THE PROBLEM:
Your answer should consist only of the lines below from the one with "#165=IFCINDEXEDPOLYGONALFACE((2,9,11,6));" through the one with "#28=IFCINDEXEDPOLYGONALFACE((13,15,16,14));", copied exactly.

Segment Start: THE INPUT

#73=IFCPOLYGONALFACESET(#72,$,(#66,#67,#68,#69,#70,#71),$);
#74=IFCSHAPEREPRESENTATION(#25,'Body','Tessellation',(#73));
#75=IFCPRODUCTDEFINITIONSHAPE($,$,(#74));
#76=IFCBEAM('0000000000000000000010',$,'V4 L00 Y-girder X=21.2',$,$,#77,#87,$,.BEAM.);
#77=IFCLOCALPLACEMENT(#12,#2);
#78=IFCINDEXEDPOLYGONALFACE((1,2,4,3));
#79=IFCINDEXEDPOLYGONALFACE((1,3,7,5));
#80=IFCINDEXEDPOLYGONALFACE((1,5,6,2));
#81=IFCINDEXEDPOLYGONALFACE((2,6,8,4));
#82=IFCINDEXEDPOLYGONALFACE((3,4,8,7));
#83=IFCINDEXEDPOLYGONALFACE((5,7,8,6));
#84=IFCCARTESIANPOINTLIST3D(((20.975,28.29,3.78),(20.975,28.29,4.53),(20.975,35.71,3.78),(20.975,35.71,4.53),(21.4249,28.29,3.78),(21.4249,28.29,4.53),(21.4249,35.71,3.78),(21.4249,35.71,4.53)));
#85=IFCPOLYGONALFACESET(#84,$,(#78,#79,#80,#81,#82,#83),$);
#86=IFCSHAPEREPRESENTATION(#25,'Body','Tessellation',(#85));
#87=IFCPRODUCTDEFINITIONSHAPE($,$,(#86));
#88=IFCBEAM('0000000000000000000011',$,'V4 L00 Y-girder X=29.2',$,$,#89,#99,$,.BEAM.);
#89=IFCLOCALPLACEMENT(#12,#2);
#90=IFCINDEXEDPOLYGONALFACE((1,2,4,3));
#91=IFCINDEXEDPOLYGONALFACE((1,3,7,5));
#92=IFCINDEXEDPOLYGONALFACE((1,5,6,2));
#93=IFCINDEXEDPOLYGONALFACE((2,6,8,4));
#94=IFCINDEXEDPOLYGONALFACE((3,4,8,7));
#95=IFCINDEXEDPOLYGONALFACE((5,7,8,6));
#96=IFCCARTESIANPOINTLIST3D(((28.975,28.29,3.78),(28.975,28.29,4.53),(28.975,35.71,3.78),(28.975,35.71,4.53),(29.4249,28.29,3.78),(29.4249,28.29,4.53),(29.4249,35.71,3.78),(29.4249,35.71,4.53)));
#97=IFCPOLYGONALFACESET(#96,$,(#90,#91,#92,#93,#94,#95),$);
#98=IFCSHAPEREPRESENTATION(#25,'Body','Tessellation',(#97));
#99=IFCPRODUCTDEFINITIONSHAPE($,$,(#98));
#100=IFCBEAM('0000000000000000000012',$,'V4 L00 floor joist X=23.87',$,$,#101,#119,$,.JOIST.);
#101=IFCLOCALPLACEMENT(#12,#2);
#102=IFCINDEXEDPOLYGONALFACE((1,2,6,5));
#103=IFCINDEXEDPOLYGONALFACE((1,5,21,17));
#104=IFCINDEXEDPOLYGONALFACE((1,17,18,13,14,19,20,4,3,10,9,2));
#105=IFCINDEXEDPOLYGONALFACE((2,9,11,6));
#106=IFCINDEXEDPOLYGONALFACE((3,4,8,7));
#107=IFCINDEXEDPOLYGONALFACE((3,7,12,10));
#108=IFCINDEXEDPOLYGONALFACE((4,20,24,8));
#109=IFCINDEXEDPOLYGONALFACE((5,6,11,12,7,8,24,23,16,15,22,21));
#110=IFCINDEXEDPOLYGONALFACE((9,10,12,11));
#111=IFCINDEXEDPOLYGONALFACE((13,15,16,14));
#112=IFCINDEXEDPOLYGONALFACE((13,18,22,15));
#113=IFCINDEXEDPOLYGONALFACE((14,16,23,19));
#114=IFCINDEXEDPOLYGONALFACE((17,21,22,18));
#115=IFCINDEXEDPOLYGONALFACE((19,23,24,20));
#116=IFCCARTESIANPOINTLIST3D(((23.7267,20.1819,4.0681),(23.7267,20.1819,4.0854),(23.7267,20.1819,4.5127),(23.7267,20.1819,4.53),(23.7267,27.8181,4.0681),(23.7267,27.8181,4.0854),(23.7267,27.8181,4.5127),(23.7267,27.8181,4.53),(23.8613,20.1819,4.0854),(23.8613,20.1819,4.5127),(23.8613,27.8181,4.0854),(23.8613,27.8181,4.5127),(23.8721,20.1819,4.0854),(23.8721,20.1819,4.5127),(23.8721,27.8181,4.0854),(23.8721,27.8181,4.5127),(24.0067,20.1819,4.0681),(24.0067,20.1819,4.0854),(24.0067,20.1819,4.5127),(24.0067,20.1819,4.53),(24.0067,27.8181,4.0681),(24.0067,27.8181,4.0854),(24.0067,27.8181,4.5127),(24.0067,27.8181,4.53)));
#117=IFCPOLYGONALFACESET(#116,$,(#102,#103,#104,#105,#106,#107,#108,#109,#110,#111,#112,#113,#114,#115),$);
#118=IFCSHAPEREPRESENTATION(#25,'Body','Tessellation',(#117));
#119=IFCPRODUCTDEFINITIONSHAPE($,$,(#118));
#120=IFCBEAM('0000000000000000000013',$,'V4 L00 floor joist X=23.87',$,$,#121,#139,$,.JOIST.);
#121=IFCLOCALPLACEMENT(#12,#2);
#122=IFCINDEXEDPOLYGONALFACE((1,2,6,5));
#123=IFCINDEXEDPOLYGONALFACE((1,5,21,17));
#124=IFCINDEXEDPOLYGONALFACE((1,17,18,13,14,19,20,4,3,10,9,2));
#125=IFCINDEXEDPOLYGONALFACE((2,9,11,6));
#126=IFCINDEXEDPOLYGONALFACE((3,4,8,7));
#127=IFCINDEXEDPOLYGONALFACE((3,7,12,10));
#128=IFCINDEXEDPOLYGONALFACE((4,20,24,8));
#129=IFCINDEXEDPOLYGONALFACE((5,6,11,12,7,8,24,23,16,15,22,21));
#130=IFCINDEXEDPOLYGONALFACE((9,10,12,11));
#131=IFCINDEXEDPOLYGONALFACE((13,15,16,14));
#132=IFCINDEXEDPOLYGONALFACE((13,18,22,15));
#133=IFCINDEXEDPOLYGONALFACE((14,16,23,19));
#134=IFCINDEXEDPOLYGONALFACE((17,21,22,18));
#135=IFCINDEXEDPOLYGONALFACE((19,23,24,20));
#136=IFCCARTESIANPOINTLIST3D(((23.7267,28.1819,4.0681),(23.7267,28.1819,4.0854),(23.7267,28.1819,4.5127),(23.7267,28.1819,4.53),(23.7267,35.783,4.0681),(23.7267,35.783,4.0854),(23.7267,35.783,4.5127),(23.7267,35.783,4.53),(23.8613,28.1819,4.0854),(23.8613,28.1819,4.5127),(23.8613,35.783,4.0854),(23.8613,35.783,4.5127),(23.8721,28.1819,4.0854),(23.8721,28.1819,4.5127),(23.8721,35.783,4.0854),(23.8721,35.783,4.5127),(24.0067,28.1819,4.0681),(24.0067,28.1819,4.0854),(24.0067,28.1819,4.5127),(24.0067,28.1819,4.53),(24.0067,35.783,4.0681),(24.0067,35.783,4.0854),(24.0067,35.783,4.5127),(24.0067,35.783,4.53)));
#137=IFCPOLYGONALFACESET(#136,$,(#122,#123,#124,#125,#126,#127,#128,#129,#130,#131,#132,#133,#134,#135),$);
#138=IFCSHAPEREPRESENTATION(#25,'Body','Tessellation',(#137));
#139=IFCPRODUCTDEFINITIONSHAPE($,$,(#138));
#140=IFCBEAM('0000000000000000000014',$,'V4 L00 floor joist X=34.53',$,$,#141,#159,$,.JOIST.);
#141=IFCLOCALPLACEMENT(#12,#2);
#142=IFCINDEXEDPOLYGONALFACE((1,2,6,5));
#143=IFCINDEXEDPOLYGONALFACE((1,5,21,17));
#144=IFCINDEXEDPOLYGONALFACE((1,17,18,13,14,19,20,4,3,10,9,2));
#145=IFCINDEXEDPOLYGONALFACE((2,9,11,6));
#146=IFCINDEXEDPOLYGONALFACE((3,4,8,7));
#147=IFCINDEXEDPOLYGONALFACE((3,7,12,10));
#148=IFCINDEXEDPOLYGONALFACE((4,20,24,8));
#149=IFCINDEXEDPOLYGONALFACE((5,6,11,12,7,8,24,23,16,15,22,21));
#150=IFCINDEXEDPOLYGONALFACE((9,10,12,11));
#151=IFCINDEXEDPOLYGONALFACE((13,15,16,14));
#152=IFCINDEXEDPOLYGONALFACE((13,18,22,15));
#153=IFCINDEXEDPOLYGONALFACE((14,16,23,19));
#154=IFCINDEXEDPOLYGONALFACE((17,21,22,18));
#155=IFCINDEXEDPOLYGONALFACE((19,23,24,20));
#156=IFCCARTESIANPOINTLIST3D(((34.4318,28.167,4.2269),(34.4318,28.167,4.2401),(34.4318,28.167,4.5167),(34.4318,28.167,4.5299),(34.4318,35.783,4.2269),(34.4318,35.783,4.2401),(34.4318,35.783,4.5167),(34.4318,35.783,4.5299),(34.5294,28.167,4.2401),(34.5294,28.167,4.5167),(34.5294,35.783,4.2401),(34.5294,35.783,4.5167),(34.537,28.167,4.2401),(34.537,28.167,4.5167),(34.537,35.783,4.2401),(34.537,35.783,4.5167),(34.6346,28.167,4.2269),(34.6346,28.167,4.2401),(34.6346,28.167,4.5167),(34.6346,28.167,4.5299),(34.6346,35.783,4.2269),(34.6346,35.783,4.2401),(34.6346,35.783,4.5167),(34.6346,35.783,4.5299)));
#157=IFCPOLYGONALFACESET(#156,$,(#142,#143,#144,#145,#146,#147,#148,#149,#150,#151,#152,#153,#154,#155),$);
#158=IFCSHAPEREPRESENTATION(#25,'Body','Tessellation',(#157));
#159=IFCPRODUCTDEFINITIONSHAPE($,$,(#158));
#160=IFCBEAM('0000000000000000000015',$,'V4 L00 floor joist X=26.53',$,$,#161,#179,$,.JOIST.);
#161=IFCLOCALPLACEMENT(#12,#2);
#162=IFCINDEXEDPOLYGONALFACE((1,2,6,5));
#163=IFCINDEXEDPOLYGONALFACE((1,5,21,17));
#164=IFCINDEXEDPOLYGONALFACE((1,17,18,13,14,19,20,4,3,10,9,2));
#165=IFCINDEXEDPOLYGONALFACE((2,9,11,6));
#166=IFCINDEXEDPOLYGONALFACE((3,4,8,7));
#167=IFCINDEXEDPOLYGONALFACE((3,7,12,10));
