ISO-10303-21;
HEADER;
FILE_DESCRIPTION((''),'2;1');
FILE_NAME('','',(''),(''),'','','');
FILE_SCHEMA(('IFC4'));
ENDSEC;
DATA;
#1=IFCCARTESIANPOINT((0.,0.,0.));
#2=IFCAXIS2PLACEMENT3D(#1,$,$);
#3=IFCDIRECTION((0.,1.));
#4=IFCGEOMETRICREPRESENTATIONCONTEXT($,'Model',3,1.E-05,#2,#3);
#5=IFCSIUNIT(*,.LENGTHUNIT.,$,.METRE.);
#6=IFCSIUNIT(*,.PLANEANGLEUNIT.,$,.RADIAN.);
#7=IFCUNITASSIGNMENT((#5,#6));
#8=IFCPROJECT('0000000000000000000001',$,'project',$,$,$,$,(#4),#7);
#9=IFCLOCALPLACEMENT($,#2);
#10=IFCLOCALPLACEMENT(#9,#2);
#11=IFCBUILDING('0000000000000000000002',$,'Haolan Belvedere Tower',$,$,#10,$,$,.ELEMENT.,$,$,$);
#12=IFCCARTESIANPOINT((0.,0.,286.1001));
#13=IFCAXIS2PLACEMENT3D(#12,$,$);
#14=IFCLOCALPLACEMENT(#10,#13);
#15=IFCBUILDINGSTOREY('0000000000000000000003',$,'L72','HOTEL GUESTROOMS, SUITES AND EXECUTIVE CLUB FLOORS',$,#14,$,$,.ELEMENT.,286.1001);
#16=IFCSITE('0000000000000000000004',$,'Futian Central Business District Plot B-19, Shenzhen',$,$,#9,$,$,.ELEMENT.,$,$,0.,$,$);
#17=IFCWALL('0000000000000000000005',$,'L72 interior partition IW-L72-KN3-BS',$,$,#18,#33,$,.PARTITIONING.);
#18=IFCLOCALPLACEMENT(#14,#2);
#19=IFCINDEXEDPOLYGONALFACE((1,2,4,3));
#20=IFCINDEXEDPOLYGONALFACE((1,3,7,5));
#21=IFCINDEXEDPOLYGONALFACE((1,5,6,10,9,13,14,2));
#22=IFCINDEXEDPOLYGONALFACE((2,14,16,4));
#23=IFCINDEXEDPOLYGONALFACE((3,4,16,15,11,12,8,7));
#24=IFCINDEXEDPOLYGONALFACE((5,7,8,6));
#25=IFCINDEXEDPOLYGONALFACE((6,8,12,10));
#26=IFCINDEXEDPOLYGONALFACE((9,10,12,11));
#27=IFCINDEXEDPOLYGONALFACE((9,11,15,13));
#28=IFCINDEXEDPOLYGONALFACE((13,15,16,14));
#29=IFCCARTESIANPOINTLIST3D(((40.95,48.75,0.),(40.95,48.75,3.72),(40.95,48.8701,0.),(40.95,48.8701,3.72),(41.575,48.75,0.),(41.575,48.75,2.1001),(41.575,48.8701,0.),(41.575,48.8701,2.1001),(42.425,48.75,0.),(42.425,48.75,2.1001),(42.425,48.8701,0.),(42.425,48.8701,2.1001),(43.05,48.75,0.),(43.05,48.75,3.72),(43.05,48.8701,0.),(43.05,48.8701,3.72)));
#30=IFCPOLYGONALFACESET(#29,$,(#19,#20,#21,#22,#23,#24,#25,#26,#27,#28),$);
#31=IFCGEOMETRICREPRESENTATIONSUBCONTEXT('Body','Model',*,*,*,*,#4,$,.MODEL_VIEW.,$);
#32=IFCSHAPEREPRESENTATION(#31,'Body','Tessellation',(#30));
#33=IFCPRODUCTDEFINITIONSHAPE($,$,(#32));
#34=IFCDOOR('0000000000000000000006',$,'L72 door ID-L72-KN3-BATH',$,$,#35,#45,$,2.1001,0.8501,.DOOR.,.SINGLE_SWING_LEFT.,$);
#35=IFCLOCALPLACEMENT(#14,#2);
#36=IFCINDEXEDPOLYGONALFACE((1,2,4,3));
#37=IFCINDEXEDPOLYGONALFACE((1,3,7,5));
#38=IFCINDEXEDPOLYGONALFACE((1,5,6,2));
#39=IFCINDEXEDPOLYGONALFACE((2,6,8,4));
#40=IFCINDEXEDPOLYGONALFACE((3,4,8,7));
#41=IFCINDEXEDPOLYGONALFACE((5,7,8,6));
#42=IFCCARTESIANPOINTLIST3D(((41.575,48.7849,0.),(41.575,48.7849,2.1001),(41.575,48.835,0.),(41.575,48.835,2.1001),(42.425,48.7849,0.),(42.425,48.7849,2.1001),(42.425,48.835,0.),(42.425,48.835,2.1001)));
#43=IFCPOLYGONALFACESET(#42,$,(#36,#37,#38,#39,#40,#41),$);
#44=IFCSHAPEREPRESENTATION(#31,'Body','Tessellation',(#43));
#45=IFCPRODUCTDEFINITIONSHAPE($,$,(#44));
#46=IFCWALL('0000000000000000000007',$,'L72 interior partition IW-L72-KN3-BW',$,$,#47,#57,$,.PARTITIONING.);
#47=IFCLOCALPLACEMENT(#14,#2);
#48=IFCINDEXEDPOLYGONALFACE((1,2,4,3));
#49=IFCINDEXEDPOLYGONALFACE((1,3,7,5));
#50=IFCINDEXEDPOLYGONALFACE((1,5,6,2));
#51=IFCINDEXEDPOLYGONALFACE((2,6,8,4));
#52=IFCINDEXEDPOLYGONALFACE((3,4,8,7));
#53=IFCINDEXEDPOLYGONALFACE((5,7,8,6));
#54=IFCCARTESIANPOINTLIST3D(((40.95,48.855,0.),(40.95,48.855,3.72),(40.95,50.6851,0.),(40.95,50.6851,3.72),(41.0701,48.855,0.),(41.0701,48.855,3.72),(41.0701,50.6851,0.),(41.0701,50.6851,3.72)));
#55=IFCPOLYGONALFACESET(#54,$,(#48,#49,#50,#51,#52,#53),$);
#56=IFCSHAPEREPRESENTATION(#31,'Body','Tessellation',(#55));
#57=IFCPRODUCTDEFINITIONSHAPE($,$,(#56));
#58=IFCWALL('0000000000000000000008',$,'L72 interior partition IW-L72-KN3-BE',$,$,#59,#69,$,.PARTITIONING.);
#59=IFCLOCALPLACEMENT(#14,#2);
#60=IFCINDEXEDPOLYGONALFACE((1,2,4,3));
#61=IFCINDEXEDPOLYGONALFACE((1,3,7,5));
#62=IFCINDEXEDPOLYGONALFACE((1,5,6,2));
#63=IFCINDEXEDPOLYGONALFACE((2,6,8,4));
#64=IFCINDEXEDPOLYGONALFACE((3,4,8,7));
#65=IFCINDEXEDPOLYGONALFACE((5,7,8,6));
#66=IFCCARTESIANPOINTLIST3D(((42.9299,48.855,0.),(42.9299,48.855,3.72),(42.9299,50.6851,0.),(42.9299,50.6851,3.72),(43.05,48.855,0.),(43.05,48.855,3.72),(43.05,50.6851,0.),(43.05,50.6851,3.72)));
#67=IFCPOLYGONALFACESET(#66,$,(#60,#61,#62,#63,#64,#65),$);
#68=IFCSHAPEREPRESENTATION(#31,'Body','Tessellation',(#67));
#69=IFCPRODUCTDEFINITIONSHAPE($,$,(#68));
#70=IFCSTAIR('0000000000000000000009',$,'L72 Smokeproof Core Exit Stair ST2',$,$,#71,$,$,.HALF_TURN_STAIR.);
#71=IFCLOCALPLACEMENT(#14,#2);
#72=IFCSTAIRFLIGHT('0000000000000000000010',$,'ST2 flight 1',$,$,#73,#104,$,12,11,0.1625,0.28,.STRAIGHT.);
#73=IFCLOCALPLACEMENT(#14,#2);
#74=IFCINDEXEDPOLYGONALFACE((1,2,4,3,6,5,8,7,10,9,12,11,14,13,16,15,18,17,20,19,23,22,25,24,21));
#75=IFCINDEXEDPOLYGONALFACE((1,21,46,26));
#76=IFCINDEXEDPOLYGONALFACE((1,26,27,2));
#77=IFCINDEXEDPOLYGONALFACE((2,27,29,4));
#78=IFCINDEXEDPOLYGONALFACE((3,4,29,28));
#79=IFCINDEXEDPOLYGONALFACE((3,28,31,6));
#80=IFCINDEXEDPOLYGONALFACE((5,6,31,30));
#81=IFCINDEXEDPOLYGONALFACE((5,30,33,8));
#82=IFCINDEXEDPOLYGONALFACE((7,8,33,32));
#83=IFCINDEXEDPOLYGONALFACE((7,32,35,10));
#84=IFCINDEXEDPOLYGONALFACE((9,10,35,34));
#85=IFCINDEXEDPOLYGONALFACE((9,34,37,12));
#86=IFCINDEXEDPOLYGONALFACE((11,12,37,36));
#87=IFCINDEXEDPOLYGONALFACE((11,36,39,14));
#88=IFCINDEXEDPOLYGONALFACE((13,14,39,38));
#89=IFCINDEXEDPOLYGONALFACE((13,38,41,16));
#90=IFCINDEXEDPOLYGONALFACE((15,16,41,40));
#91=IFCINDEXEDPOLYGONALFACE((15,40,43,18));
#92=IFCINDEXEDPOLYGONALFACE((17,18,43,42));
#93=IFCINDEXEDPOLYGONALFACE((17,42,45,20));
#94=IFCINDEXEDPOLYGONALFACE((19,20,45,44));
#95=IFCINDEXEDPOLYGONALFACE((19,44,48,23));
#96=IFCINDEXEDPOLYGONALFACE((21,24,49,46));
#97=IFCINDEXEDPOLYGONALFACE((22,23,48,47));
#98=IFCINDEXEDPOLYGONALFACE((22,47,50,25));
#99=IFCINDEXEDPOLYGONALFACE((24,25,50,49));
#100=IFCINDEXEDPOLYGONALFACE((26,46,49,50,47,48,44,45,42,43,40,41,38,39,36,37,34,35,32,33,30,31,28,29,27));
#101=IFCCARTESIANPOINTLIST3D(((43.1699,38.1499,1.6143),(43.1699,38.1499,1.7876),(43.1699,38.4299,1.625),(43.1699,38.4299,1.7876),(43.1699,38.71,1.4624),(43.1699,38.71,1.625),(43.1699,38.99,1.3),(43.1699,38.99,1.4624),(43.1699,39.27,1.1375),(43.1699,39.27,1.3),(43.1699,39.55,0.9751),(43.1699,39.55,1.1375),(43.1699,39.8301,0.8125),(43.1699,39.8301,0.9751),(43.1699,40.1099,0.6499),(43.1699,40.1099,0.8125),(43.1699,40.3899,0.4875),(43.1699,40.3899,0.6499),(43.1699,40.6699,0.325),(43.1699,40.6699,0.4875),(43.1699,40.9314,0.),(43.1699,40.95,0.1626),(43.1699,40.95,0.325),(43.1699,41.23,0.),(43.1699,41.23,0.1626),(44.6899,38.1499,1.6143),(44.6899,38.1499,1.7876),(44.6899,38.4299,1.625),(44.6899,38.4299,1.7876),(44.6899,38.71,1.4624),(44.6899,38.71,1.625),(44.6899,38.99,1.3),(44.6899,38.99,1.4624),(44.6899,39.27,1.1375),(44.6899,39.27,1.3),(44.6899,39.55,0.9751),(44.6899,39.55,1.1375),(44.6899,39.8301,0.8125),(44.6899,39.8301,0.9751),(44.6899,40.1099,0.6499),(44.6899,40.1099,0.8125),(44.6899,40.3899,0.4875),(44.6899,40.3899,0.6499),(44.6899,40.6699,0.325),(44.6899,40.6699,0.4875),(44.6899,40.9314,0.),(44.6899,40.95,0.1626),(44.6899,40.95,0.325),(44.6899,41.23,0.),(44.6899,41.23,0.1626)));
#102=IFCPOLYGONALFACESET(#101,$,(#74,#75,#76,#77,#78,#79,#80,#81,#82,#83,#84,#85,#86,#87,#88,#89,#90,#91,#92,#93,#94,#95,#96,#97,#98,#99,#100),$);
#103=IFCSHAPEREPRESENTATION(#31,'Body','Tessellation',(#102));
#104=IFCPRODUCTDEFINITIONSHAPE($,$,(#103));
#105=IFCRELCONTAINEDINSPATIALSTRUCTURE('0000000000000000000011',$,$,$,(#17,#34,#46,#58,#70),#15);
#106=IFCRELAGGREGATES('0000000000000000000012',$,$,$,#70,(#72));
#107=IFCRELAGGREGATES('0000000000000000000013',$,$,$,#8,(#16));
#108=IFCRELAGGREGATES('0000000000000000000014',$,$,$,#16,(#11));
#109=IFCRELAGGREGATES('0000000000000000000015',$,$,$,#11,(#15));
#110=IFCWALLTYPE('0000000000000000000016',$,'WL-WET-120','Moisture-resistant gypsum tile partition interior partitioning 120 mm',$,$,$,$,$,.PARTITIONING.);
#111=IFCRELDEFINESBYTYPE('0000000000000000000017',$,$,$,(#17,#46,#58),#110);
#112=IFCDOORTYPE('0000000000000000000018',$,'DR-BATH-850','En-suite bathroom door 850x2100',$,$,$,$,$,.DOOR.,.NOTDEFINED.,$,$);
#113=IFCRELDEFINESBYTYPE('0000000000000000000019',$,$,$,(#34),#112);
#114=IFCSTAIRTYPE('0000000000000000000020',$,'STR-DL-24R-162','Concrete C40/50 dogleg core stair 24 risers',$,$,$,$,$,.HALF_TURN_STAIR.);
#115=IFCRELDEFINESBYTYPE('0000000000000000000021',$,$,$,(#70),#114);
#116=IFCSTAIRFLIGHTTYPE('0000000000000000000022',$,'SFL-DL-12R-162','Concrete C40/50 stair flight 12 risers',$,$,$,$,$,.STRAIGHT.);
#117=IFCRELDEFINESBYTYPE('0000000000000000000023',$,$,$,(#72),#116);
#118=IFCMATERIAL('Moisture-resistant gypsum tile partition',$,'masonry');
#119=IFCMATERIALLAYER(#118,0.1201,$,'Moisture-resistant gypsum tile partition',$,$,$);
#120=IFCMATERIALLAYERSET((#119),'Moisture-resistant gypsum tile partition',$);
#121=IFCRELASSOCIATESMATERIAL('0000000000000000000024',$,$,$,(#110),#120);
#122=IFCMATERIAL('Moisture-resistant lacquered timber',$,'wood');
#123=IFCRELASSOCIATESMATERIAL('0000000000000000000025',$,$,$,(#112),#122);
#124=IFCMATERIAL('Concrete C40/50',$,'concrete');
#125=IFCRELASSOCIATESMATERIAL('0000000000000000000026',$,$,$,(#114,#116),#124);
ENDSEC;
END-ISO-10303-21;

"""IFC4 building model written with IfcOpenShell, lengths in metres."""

from ifc_helpers import new_model, si_unit, direction, frame, frame_2d, origin, place, context, subcontext, project, spatial, polyline, rectangle, outline, extrude, material, layer, layer_set, type_object, element, fill, aggregate, save


model = new_model("IFC4")

# Units and contexts
model_context = context("Model", 3, precision=1e-05, world=origin(), true_north=direction((0.0, 1.0)))
body_context = subcontext(model_context, "Body", "Model", "MODEL_VIEW")
ifc_project = project(units=[si_unit("LENGTHUNIT", "METRE"), si_unit("PLANEANGLEUNIT", "RADIAN")], contexts=[model_context])

# Site, building, storey
site_placement = place(None, origin())
site = spatial("IfcSite", under=ifc_project, at=site_placement, Name="Futian Central Business District Plot B-19, Shenzhen", CompositionType="ELEMENT", RefElevation=0.0)
building_placement = place(site_placement, origin())
building = spatial("IfcBuilding", under=site, at=building_placement, Name="Haolan Belvedere Tower", CompositionType="ELEMENT")
storey_placement = place(building_placement, frame((0.0, 0.0, 286.1001)))
storey = spatial("IfcBuildingStorey", under=building, at=storey_placement, Name="L72", Description="HOTEL GUESTROOMS, SUITES AND EXECUTIVE CLUB FLOORS", CompositionType="ELEMENT", Elevation=286.1001)

# Shared definitions
ifc_material_1 = material(Name="Concrete C40/50", Category="concrete")

# Shared definitions
ifc_material_2 = material(Name="Moisture-resistant gypsum tile partition", Category="masonry")
ifc_layer_1 = layer(ifc_material_2, 0.1201, Name="Moisture-resistant gypsum tile partition")
ifc_layer_set_1 = layer_set([ifc_layer_1], Name="Moisture-resistant gypsum tile partition")
wall_type_1 = type_object("IfcWallType", Name="WL-WET-120", Description="Moisture-resistant gypsum tile partition interior partitioning 120 mm", PredefinedType="PARTITIONING", material=ifc_layer_set_1)

# Wall, opening, door
wall_1_placement = place(storey_placement, frame((40.95, 48.8101, 0.0), z_axis=(0.0, 0.0, 1.0), x_axis=(1.0, 0.0, 0.0)))
wall_1 = element("IfcWall", 1, at=wall_1_placement, inside=storey, type_object=wall_type_1, Name="L72 interior partition IW-L72-KN3-BS", PredefinedType="PARTITIONING", context=body_context, shape_type="SweptSolid", body=[
    extrude(rectangle(XDim=2.1001, YDim=0.1201, at=frame_2d((1.05, 0.0))), origin(), (0.0, 0.0, 1.0), 3.72),
])
opening_1_placement = place(wall_1_placement, frame((0.625, 0.0, 0.0)))
opening_1 = element("IfcOpeningElement", 2, at=opening_1_placement, cuts=wall_1, PredefinedType="OPENING", context=body_context, shape_type="SweptSolid", body=[
    extrude(rectangle(XDim=0.8501, YDim=2.1001, at=frame_2d((0.425, 1.05))), frame((0.0, 0.0701, 0.0), z_axis=(0.0, -1.0, 0.0), x_axis=(1.0, 0.0, 0.0)), (0.0, 0.0, 1.0), 0.1401),
])
ifc_material_3 = material(Name="Moisture-resistant lacquered timber", Category="wood")
door_type_1 = type_object("IfcDoorType", Name="DR-BATH-850", Description="En-suite bathroom door 850x2100", OperationType="NOTDEFINED", PredefinedType="DOOR", material=ifc_material_3)
door_1_placement = place(opening_1_placement, origin())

Segment End: THE INPUT

EXERCISE SOLUTION:
#165=IFCINDEXEDPOLYGONALFACE((2,9,11,6));
#166=IFCINDEXEDPOLYGONALFACE((3,4,8,7));
#167=IFCINDEXEDPOLYGONALFACE((3,7,12,10));
ISO-10303-21;
HEADER;
FILE_DESCRIPTION((''),'2;1');
FILE_NAME('','',(''),(''),'','','');
FILE_SCHEMA(('IFC4'));
ENDSEC;
DATA;
#1=IFCCARTESIANPOINT((0.,0.,0.));
#2=IFCAXIS2PLACEMENT3D(#1,$,$);
#3=IFCDIRECTION((0.,1.));
#4=IFCGEOMETRICREPRESENTATIONCONTEXT($,'Model',3,1.E-05,#2,#3);
#5=IFCSIUNIT(*,.LENGTHUNIT.,$,.METRE.);
#6=IFCSIUNIT(*,.PLANEANGLEUNIT.,$,.RADIAN.);
#7=IFCUNITASSIGNMENT((#5,#6));
#8=IFCPROJECT('0000000000000000000001',$,'project',$,$,$,$,(#4),#7);
#9=IFCLOCALPLACEMENT($,#2);
#10=IFCLOCALPLACEMENT(#9,#2);
#11=IFCBUILDING('0000000000000000000002',$,'Haolan Belvedere Tower',$,$,#10,$,$,.ELEMENT.,$,$,$);
#12=IFCCARTESIANPOINT((0.,0.,286.1001));
#13=IFCAXIS2PLACEMENT3D(#12,$,$);
#14=IFCLOCALPLACEMENT(#10,#13);
#15=IFCBUILDINGSTOREY('0000000000000000000003',$,'L72','HOTEL GUESTROOMS, SUITES AND EXECUTIVE CLUB FLOORS',$,#14,$,$,.ELEMENT.,286.1001);
#16=IFCSITE('0000000000000000000004',$,'Futian Central Business District Plot B-19, Shenzhen',$,$,#9,$,$,.ELEMENT.,$,$,0.,$,$);
#17=IFCWALL('0000000000000000000005',$,'L72 interior partition IW-L72-KN3-BS',$,$,#18,#33,$,.PARTITIONING.);
#18=IFCLOCALPLACEMENT(#14,#2);
#19=IFCINDEXEDPOLYGONALFACE((1,2,4,3));
#20=IFCINDEXEDPOLYGONALFACE((1,3,7,5));
#21=IFCINDEXEDPOLYGONALFACE((1,5,6,10,9,13,14,2));
#22=IFCINDEXEDPOLYGONALFACE((2,14,16,4));
#23=IFCINDEXEDPOLYGONALFACE((3,4,16,15,11,12,8,7));
#24=IFCINDEXEDPOLYGONALFACE((5,7,8,6));
#25=IFCINDEXEDPOLYGONALFACE((6,8,12,10));
#26=IFCINDEXEDPOLYGONALFACE((9,10,12,11));
#27=IFCINDEXEDPOLYGONALFACE((9,11,15,13));
#28=IFCINDEXEDPOLYGONALFACE((13,15,16,14));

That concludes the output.